───── Information given ─────

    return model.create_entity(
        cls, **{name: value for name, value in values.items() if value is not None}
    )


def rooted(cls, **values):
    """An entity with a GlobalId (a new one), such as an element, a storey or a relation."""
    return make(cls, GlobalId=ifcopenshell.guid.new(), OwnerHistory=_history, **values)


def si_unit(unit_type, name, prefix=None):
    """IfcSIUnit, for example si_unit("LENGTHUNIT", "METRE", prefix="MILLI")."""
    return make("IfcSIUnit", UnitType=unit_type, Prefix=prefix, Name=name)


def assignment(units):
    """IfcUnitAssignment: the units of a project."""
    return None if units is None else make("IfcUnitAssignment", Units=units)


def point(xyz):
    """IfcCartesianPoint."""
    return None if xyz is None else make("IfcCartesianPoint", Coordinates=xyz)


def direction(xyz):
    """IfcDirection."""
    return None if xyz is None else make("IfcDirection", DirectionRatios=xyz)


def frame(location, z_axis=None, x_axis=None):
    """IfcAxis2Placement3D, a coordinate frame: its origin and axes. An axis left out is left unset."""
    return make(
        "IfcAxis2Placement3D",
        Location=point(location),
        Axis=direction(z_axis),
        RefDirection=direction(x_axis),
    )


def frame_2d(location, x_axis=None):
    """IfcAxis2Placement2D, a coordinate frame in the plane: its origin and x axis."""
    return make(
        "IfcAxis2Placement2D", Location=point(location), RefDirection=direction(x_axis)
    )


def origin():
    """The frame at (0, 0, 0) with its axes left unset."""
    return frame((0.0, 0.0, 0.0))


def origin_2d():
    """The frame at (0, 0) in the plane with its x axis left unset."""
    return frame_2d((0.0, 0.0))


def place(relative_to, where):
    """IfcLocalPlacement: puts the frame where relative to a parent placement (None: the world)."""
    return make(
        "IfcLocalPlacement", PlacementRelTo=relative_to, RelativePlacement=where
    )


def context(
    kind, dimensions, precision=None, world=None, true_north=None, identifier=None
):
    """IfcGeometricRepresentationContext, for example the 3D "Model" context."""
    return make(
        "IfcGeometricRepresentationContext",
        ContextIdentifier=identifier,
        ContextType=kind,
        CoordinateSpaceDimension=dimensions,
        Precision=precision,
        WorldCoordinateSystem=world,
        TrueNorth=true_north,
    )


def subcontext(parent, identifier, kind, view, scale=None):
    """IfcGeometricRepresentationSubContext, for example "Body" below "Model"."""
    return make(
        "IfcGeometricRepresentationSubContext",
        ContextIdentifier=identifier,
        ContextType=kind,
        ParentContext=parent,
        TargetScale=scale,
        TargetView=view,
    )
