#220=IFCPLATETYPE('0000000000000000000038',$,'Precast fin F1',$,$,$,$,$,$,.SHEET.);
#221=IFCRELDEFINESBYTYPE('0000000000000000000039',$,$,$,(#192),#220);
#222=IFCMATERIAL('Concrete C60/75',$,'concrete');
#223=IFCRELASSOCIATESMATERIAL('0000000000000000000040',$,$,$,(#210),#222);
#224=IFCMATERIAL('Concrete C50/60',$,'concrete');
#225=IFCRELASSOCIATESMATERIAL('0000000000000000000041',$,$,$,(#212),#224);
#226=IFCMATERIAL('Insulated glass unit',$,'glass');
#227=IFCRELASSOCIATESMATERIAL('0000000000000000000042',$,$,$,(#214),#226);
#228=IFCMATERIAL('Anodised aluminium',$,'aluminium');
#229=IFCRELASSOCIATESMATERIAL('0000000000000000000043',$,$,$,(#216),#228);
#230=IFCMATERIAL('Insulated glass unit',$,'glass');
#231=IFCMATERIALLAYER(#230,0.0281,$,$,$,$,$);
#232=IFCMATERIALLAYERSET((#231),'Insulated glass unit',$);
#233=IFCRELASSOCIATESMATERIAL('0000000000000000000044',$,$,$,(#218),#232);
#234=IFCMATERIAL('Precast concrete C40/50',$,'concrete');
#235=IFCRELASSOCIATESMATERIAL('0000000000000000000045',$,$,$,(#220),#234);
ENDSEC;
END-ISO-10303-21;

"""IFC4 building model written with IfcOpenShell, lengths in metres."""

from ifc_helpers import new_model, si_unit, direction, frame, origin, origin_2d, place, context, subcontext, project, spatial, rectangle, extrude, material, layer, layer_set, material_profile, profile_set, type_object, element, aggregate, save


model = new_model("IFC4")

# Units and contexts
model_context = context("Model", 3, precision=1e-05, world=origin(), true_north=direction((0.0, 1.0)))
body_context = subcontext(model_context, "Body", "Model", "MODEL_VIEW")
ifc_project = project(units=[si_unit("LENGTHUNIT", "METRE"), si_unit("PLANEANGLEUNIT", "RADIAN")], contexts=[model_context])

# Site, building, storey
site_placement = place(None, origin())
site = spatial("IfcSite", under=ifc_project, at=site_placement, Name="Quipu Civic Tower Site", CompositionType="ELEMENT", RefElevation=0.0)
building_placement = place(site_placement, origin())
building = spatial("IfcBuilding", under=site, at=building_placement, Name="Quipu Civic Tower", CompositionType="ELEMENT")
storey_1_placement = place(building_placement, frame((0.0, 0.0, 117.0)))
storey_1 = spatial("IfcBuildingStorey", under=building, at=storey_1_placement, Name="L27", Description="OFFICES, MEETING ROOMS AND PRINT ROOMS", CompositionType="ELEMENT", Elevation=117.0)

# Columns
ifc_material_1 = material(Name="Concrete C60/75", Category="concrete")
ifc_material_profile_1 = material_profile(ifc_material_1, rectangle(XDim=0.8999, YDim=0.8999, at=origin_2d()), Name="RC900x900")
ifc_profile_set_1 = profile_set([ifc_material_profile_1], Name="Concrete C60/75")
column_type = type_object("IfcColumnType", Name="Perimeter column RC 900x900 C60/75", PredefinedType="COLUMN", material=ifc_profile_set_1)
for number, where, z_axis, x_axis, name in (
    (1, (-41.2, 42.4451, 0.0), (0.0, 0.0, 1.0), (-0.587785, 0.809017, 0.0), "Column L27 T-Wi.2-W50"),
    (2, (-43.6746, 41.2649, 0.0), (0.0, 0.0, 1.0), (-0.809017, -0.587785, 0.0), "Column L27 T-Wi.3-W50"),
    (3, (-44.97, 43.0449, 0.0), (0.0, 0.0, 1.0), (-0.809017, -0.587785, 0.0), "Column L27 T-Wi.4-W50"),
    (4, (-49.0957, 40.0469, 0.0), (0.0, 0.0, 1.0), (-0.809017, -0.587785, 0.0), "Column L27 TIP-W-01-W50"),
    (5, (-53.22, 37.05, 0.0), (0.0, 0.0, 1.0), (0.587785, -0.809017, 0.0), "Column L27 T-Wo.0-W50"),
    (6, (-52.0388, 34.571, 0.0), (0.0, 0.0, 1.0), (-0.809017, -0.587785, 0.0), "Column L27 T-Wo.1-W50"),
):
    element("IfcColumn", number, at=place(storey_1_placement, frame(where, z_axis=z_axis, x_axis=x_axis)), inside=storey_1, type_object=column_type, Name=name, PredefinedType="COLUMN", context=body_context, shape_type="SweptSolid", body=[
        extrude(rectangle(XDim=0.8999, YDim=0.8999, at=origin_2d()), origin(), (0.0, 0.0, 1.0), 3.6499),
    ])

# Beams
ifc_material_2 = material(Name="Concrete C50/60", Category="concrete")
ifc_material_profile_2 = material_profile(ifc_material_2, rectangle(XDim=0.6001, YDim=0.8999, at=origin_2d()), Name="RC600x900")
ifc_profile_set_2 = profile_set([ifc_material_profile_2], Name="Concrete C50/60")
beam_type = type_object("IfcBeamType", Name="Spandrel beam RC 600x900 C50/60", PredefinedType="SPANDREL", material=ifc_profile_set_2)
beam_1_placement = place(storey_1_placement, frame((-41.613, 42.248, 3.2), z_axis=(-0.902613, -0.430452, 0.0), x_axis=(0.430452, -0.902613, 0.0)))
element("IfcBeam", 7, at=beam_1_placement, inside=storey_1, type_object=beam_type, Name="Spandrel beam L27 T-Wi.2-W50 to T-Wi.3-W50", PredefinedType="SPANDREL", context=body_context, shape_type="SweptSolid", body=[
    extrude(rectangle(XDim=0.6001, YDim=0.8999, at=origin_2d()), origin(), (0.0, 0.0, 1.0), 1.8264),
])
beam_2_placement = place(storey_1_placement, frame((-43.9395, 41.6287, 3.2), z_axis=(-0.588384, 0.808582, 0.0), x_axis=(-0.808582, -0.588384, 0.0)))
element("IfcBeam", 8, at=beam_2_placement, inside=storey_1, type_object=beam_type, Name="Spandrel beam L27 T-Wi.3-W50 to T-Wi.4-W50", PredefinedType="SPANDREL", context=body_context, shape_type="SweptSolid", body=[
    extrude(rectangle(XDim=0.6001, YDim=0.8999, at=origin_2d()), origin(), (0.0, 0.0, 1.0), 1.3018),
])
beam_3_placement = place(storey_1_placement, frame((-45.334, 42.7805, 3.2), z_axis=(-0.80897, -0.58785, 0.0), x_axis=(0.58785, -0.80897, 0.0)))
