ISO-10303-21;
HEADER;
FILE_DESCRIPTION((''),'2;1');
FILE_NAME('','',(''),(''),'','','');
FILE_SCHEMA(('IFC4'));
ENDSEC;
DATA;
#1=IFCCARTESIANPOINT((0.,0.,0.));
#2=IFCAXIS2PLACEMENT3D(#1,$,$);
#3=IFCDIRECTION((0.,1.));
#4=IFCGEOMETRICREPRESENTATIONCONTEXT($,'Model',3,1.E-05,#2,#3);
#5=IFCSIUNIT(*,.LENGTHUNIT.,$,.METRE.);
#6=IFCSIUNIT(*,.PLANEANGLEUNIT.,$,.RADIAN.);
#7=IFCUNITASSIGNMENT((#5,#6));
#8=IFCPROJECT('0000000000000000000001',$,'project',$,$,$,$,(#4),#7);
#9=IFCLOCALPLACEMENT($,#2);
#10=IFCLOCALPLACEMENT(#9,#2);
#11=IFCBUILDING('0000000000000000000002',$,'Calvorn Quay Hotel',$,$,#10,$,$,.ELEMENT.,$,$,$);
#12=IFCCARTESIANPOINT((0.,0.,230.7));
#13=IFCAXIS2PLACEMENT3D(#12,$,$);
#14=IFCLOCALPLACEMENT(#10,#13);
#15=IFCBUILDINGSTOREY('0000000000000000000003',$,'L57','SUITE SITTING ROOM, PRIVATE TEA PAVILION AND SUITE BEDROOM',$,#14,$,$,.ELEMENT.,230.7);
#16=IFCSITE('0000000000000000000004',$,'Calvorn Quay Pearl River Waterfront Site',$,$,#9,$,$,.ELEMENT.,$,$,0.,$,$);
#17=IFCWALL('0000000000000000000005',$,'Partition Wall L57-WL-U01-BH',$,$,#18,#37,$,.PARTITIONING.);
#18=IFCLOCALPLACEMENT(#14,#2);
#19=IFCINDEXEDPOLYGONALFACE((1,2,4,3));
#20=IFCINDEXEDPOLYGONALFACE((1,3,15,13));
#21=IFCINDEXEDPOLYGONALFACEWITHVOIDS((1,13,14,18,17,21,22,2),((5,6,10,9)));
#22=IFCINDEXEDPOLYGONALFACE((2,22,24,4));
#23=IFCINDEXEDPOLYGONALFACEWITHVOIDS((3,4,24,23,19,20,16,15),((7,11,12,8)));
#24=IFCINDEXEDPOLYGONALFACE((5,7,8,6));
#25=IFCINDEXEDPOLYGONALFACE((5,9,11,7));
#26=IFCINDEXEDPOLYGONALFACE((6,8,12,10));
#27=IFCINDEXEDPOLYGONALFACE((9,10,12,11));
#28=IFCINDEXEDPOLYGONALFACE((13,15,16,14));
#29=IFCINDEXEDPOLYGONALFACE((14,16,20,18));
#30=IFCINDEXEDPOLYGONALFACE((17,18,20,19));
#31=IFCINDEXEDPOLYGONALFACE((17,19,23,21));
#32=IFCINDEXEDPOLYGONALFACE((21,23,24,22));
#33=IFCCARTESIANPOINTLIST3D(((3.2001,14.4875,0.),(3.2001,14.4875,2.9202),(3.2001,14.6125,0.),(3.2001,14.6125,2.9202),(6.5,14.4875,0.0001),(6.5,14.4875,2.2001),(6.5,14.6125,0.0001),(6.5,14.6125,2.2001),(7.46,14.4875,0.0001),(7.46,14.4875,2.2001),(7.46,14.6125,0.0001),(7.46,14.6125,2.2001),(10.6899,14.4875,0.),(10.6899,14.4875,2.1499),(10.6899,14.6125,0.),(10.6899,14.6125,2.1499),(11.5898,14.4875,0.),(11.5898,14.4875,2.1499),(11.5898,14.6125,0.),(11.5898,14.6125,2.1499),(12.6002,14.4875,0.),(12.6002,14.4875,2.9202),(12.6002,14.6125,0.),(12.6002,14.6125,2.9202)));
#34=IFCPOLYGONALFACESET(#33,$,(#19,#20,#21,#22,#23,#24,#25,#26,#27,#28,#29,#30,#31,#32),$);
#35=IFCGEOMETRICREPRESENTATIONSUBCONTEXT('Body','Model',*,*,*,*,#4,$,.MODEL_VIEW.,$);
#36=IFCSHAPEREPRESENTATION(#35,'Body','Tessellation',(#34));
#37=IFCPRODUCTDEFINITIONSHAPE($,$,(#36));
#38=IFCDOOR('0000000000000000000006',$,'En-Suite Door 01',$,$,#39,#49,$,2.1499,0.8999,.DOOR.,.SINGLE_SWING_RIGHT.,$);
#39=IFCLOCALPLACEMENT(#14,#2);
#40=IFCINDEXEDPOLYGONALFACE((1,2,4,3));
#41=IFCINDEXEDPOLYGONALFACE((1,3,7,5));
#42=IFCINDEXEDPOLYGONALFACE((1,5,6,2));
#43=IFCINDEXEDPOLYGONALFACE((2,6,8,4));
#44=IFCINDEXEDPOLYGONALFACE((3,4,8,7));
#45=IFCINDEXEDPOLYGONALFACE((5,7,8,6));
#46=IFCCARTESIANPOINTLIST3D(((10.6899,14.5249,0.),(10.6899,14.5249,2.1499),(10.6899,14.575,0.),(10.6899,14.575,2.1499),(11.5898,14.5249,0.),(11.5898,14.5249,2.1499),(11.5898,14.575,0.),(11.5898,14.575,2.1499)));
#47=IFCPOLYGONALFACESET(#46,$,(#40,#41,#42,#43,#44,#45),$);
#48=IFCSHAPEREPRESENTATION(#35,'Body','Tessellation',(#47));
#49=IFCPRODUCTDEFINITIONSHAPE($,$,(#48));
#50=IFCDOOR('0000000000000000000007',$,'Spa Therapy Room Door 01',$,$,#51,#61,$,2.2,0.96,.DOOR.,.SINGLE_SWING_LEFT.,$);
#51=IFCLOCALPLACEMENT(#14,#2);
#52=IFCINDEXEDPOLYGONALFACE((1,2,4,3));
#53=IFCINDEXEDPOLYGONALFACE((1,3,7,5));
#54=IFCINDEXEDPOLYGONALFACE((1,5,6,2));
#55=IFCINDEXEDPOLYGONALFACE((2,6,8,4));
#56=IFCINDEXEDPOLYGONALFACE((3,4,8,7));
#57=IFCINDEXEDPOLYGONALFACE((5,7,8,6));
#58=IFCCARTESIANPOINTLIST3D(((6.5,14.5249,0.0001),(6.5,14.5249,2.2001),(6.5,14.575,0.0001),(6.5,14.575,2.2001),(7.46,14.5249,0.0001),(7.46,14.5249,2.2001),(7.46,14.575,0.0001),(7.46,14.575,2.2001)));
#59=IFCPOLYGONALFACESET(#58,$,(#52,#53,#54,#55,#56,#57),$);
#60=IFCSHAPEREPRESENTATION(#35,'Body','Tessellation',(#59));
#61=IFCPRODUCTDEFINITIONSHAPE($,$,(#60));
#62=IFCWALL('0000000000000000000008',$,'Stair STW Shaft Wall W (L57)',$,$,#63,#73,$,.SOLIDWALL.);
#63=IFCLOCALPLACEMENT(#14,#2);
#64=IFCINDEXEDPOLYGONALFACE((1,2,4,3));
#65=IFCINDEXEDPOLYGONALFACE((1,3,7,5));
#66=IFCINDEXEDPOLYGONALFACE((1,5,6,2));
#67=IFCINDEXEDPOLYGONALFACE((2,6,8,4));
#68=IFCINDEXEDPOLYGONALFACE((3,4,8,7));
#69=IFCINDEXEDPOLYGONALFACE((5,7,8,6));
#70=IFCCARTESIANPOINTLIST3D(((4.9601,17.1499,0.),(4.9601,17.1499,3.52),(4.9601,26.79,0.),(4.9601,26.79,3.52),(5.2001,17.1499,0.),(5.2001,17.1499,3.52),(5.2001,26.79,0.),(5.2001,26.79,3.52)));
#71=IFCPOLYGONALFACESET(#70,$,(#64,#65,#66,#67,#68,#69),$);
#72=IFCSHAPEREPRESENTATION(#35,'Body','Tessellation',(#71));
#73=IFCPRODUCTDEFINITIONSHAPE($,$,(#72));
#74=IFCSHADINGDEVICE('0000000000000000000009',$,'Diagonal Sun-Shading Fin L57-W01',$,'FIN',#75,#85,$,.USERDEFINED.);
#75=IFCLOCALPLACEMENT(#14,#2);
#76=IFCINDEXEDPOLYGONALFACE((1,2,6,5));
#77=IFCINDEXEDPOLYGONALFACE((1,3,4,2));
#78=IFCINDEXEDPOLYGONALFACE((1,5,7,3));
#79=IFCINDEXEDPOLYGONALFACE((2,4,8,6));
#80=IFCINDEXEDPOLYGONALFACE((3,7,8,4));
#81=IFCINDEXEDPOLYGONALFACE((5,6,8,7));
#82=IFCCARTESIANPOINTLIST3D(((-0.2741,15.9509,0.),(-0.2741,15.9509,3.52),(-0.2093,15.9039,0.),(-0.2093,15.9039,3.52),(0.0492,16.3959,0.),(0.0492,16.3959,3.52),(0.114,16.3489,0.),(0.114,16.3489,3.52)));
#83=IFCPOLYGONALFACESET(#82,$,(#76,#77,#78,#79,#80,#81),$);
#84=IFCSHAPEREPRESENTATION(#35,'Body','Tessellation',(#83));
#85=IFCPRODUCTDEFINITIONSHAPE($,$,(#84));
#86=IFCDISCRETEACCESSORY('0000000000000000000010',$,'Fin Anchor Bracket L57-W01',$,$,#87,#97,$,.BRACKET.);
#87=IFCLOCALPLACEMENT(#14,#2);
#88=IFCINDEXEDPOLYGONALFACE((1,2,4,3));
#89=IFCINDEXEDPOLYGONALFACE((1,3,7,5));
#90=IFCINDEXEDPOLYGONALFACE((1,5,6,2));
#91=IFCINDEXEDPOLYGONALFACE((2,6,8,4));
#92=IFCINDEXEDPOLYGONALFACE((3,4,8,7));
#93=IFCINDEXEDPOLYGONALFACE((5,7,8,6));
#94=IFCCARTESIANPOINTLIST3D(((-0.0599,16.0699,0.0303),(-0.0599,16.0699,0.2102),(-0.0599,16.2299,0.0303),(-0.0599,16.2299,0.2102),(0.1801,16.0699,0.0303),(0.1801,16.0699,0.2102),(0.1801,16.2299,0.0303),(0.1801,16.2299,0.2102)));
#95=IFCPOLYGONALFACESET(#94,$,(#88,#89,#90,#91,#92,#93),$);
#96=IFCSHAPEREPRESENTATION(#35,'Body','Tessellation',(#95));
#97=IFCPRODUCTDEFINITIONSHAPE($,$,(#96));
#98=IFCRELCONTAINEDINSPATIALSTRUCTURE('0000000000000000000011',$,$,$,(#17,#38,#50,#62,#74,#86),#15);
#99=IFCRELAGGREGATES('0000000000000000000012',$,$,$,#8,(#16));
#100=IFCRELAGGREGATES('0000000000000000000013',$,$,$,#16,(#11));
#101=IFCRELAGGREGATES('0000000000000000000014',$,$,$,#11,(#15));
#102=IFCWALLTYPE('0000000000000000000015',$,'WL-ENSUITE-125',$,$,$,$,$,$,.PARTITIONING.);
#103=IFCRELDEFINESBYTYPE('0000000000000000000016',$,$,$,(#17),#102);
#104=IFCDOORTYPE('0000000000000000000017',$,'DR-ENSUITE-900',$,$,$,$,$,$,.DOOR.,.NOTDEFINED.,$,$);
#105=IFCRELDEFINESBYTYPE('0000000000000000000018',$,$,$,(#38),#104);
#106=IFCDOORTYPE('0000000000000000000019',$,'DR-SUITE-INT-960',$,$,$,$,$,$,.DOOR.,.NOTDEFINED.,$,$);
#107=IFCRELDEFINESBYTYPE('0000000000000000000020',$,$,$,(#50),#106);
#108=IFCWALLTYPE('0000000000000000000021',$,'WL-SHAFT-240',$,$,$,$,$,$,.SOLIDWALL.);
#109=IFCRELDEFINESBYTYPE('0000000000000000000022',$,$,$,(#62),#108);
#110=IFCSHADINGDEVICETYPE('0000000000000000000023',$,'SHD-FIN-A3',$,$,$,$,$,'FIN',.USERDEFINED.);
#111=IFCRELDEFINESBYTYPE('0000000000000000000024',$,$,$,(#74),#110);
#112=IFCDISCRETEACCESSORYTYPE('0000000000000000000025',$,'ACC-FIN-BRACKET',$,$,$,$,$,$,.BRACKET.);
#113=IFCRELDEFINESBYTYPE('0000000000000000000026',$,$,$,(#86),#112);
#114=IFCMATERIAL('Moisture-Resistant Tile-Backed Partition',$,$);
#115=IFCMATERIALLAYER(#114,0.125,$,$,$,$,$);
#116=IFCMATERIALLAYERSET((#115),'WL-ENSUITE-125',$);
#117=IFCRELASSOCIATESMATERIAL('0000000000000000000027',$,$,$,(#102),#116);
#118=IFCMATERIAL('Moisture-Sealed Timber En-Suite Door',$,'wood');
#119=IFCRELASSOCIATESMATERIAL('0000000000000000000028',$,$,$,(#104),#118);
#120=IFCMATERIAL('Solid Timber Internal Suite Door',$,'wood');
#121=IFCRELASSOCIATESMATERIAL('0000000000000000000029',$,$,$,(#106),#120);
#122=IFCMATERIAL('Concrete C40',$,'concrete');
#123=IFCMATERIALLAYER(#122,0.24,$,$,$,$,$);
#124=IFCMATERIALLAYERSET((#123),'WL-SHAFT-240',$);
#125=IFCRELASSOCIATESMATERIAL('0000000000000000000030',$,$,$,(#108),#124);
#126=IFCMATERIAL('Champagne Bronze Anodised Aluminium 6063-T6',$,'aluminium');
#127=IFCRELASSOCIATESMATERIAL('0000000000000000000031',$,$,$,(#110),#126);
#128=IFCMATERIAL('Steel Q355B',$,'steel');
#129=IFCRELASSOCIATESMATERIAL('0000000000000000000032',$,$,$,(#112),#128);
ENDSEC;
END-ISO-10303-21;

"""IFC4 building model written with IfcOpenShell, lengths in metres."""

from ifc_helpers import new_model, si_unit, direction, frame, frame_2d, origin, origin_2d, place, context, subcontext, project, spatial, rectangle, extrude, material, layer, layer_set, type_object, element, fill, save


model = new_model("IFC4")

# Units and contexts
model_context = context("Model", 3, precision=1e-05, world=origin(), true_north=direction((0.0, 1.0)))
body_context = subcontext(model_context, "Body", "Model", "MODEL_VIEW")
ifc_project = project(units=[si_unit("LENGTHUNIT", "METRE"), si_unit("PLANEANGLEUNIT", "RADIAN")], contexts=[model_context])

# Site, building, storey
site_placement = place(None, origin())
site = spatial("IfcSite", under=ifc_project, at=site_placement, Name="Calvorn Quay Pearl River Waterfront Site", CompositionType="ELEMENT", RefElevation=0.0)
building_placement = place(site_placement, origin())
building = spatial("IfcBuilding", under=site, at=building_placement, Name="Calvorn Quay Hotel", CompositionType="ELEMENT")
storey_placement = place(building_placement, frame((0.0, 0.0, 230.7)))
storey = spatial("IfcBuildingStorey", under=building, at=storey_placement, Name="L57", Description="SUITE SITTING ROOM, PRIVATE TEA PAVILION AND SUITE BEDROOM", CompositionType="ELEMENT", Elevation=230.7)

# Wall, openings, doors
ifc_material_1 = material(Name="Moisture-Resistant Tile-Backed Partition")
ifc_layer_1 = layer(ifc_material_1, 0.125)
ifc_layer_set_1 = layer_set([ifc_layer_1], Name="WL-ENSUITE-125")
wall_type_1 = type_object("IfcWallType", Name="WL-ENSUITE-125", PredefinedType="PARTITIONING", material=ifc_layer_set_1)
wall_1_placement = place(storey_placement, frame((3.2, 14.55, 0.0), z_axis=(0.0, 0.0, 1.0), x_axis=(1.0, 0.0, 0.0)))
wall_1 = element("IfcWall", 1, at=wall_1_placement, inside=storey, type_object=wall_type_1, Name="Partition Wall L57-WL-U01-BH", PredefinedType="PARTITIONING", context=body_context, shape_type="SweptSolid", body=[
    extrude(rectangle(XDim=9.4001, YDim=0.125, at=frame_2d((4.7002, 0.0))), origin(), (0.0, 0.0, 1.0), 2.9202),
])
opening_1_placement = place(wall_1_placement, frame((3.3, 0.0, 0.0)))
opening_1 = element("IfcOpeningElement", 2, at=opening_1_placement, cuts=wall_1, PredefinedType="OPENING", context=body_context, shape_type="SweptSolid", body=[
    extrude(rectangle(XDim=0.96, YDim=2.2, at=frame_2d((0.48, 1.1001))), frame((0.0, 0.0725, 0.0), z_axis=(0.0, -1.0, 0.0), x_axis=(1.0, 0.0, 0.0)), (0.0, 0.0, 1.0), 0.145),
])
opening_2_placement = place(wall_1_placement, frame((7.49, 0.0, 0.0)))
opening_2 = element("IfcOpeningElement", 3, at=opening_2_placement, cuts=wall_1, PredefinedType="OPENING", context=body_context, shape_type="SweptSolid", body=[
    extrude(rectangle(XDim=0.8999, YDim=2.1499, at=frame_2d((0.45, 1.075))), frame((0.0, 0.0725, 0.0), z_axis=(0.0, -1.0, 0.0), x_axis=(1.0, 0.0, 0.0)), (0.0, 0.0, 1.0), 0.145),
])
ifc_material_2 = material(Name="Moisture-Sealed Timber En-Suite Door", Category="wood")
door_type_1 = type_object("IfcDoorType", Name="DR-ENSUITE-900", OperationType="NOTDEFINED", PredefinedType="DOOR", material=ifc_material_2)
door_1_placement = place(opening_2_placement, origin())
door_1 = element("IfcDoor", 4, at=door_1_placement, inside=storey, type_object=door_type_1, Name="En-Suite Door 01", OperationType="SINGLE_SWING_RIGHT", OverallHeight=2.1499, OverallWidth=0.8999, PredefinedType="DOOR", context=body_context, shape_type="SweptSolid", body=[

─────

_Task requirements_
Filter the records down to the lines containing the word "Tower", and copy those.

_Response to this task_
site = spatial("IfcSite", under=ifc_project, at=site_placement, Name="Quipu Civic Tower Site", CompositionType="ELEMENT", RefElevation=0.0)
building = spatial("IfcBuilding", under=site, at=building_placement, Name="Quipu Civic Tower", CompositionType="ELEMENT")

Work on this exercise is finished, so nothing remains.